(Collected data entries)
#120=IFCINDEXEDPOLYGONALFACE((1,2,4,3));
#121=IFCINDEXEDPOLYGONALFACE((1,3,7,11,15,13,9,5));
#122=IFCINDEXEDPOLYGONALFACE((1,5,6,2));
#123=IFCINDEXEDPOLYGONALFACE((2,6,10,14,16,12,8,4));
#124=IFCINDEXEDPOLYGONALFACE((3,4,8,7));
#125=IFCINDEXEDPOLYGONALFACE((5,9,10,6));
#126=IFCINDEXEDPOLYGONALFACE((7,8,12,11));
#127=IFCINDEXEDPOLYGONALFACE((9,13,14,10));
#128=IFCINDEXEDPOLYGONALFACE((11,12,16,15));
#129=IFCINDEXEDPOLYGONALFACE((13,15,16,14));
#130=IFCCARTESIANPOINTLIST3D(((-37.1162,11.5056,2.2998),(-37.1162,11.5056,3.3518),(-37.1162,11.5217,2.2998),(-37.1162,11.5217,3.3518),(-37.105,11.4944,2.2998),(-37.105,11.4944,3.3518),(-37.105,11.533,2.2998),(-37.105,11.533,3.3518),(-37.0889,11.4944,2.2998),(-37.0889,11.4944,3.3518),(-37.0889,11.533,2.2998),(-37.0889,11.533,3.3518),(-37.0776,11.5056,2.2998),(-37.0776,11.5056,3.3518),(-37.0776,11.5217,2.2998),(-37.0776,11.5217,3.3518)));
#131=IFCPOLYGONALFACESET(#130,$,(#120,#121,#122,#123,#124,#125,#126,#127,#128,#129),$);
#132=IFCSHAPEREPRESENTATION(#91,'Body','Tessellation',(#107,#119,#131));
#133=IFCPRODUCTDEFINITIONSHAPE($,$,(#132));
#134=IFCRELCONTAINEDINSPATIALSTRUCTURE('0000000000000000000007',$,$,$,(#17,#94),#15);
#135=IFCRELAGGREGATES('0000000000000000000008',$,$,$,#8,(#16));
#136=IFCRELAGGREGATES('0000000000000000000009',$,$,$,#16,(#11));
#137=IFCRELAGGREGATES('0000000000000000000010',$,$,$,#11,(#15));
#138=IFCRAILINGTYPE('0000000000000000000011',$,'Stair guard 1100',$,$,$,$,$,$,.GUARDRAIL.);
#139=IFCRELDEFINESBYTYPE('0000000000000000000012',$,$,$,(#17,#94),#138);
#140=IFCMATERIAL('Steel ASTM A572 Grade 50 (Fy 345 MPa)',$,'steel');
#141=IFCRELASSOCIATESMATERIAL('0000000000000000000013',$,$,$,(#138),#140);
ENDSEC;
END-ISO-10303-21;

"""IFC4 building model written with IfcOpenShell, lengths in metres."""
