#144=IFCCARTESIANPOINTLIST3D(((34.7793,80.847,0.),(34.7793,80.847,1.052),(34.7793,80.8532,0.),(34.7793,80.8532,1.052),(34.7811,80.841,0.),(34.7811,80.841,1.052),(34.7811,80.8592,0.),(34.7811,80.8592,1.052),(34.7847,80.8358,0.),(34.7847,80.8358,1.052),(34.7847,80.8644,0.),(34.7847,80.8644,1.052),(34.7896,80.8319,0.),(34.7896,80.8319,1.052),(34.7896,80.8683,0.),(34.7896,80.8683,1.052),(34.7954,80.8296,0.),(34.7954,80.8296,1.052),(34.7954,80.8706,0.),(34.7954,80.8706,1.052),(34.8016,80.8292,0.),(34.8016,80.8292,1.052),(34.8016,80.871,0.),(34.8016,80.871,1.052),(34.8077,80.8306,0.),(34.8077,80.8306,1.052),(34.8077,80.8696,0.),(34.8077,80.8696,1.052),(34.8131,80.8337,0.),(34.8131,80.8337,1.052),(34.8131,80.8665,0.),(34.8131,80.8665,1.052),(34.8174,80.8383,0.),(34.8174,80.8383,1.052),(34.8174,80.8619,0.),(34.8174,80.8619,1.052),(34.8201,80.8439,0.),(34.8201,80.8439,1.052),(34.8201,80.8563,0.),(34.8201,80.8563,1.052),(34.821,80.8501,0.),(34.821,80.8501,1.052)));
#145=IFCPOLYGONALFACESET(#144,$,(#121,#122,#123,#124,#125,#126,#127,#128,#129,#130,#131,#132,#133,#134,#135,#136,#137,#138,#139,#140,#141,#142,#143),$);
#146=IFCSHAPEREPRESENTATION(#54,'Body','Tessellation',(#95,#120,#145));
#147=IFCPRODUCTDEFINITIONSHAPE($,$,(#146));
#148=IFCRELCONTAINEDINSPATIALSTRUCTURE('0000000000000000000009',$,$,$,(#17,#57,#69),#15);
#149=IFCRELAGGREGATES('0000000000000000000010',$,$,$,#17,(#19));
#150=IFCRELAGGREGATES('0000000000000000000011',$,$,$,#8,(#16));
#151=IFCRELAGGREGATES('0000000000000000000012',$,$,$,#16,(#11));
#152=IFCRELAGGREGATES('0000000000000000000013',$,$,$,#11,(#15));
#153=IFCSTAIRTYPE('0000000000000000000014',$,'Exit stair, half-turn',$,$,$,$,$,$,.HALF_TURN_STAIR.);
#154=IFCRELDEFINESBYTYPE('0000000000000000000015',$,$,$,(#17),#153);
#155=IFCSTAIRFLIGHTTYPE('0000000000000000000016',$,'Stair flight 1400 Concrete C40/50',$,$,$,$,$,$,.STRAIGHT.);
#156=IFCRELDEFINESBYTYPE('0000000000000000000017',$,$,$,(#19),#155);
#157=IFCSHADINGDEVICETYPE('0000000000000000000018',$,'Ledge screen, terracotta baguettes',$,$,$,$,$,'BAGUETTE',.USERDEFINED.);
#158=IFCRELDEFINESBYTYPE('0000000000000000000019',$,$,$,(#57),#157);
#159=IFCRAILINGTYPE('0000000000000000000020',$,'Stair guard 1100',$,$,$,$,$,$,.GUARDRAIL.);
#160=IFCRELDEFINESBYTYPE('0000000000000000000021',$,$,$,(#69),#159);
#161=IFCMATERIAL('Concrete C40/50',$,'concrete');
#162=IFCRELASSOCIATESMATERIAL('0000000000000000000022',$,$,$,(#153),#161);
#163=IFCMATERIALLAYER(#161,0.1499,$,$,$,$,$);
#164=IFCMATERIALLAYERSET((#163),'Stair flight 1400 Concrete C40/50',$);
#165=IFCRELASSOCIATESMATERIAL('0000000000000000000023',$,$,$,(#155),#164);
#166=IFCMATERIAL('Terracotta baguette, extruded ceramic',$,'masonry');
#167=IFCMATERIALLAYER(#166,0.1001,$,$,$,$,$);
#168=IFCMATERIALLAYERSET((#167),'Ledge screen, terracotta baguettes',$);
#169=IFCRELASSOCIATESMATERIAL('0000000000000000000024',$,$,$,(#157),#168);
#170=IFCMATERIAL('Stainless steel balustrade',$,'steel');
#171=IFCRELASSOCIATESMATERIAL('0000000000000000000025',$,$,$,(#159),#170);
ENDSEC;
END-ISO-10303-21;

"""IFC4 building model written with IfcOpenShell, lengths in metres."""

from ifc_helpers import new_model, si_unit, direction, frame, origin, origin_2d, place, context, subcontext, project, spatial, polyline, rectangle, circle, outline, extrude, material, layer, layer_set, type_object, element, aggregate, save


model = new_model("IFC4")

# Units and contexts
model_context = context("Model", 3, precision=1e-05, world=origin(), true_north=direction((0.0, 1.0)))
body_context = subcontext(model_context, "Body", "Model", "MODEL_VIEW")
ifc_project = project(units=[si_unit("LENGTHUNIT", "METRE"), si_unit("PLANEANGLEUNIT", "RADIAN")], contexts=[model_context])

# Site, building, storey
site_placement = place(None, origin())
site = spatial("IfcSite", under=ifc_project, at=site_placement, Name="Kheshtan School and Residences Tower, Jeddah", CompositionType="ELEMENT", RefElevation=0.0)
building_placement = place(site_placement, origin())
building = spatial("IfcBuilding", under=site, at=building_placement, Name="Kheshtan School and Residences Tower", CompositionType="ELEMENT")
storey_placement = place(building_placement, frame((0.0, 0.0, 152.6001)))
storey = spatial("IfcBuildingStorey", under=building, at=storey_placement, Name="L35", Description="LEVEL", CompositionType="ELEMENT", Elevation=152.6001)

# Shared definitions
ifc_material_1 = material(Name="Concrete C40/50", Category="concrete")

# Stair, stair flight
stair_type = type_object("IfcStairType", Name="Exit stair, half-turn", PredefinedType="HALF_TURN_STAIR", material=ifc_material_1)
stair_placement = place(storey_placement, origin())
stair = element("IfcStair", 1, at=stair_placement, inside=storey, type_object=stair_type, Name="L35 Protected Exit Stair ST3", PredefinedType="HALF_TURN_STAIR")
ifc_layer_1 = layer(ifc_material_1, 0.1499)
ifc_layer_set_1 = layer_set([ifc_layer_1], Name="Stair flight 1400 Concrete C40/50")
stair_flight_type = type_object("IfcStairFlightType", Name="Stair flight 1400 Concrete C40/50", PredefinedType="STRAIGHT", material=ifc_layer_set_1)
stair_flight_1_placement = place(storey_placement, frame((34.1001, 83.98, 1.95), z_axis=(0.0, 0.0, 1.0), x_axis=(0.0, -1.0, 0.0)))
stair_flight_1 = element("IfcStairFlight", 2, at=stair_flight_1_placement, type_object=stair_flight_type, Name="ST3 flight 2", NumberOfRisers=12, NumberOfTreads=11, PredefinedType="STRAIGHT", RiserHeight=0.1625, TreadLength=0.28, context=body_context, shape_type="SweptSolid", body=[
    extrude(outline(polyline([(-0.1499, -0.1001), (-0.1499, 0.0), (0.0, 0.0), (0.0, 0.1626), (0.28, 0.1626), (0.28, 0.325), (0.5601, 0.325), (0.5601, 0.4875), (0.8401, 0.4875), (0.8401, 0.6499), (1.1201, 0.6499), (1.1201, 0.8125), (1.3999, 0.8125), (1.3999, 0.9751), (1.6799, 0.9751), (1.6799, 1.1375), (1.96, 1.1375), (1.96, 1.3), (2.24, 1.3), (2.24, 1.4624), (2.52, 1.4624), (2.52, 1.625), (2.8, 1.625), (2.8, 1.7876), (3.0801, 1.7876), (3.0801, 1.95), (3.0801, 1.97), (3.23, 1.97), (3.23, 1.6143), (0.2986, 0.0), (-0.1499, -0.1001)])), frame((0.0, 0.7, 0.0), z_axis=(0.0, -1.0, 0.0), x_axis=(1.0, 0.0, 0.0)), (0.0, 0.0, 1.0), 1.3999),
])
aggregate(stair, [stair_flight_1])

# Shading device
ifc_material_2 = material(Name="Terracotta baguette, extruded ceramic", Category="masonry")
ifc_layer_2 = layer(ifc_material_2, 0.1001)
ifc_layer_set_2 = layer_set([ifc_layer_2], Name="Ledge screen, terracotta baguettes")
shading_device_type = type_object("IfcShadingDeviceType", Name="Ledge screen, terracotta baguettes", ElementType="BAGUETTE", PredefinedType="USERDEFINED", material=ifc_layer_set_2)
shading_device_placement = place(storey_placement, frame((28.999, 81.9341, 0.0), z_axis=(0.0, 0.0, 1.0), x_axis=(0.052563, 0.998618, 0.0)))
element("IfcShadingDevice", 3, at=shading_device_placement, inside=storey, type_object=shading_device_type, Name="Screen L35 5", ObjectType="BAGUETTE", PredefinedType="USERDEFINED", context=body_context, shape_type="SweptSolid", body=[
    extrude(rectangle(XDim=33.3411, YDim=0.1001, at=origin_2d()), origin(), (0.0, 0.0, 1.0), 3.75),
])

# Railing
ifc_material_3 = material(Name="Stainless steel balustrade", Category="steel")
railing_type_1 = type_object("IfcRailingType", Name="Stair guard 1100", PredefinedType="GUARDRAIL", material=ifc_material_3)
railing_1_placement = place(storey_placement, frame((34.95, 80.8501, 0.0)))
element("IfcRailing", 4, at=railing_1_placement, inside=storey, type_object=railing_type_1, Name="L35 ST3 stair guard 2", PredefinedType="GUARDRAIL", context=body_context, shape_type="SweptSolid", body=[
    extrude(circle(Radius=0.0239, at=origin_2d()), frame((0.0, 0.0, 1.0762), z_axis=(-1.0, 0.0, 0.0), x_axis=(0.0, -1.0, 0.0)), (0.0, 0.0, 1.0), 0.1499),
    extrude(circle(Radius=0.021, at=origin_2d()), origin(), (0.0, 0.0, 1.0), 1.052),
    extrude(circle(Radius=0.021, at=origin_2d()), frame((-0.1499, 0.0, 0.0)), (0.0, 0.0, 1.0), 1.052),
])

▶ Exercise requirements:
Search the entries for the line holding "ST3 stair guard". Return that line and the ones after it through the last, exactly.

▶ Exercise output:
element("IfcRailing", 4, at=railing_1_placement, inside=storey, type_object=railing_type_1, Name="L35 ST3 stair guard 2", PredefinedType="GUARDRAIL", context=body_context, shape_type="SweptSolid", body=[
    extrude(circle(Radius=0.0239, at=origin_2d()), frame((0.0, 0.0, 1.0762), z_axis=(-1.0, 0.0, 0.0), x_axis=(0.0, -1.0, 0.0)), (0.0, 0.0, 1.0), 0.1499),
    extrude(circle(Radius=0.021, at=origin_2d()), origin(), (0.0, 0.0, 1.0), 1.052),
    extrude(circle(Radius=0.021, at=origin_2d()), frame((-0.1499, 0.0, 0.0)), (0.0, 0.0, 1.0), 1.052),
])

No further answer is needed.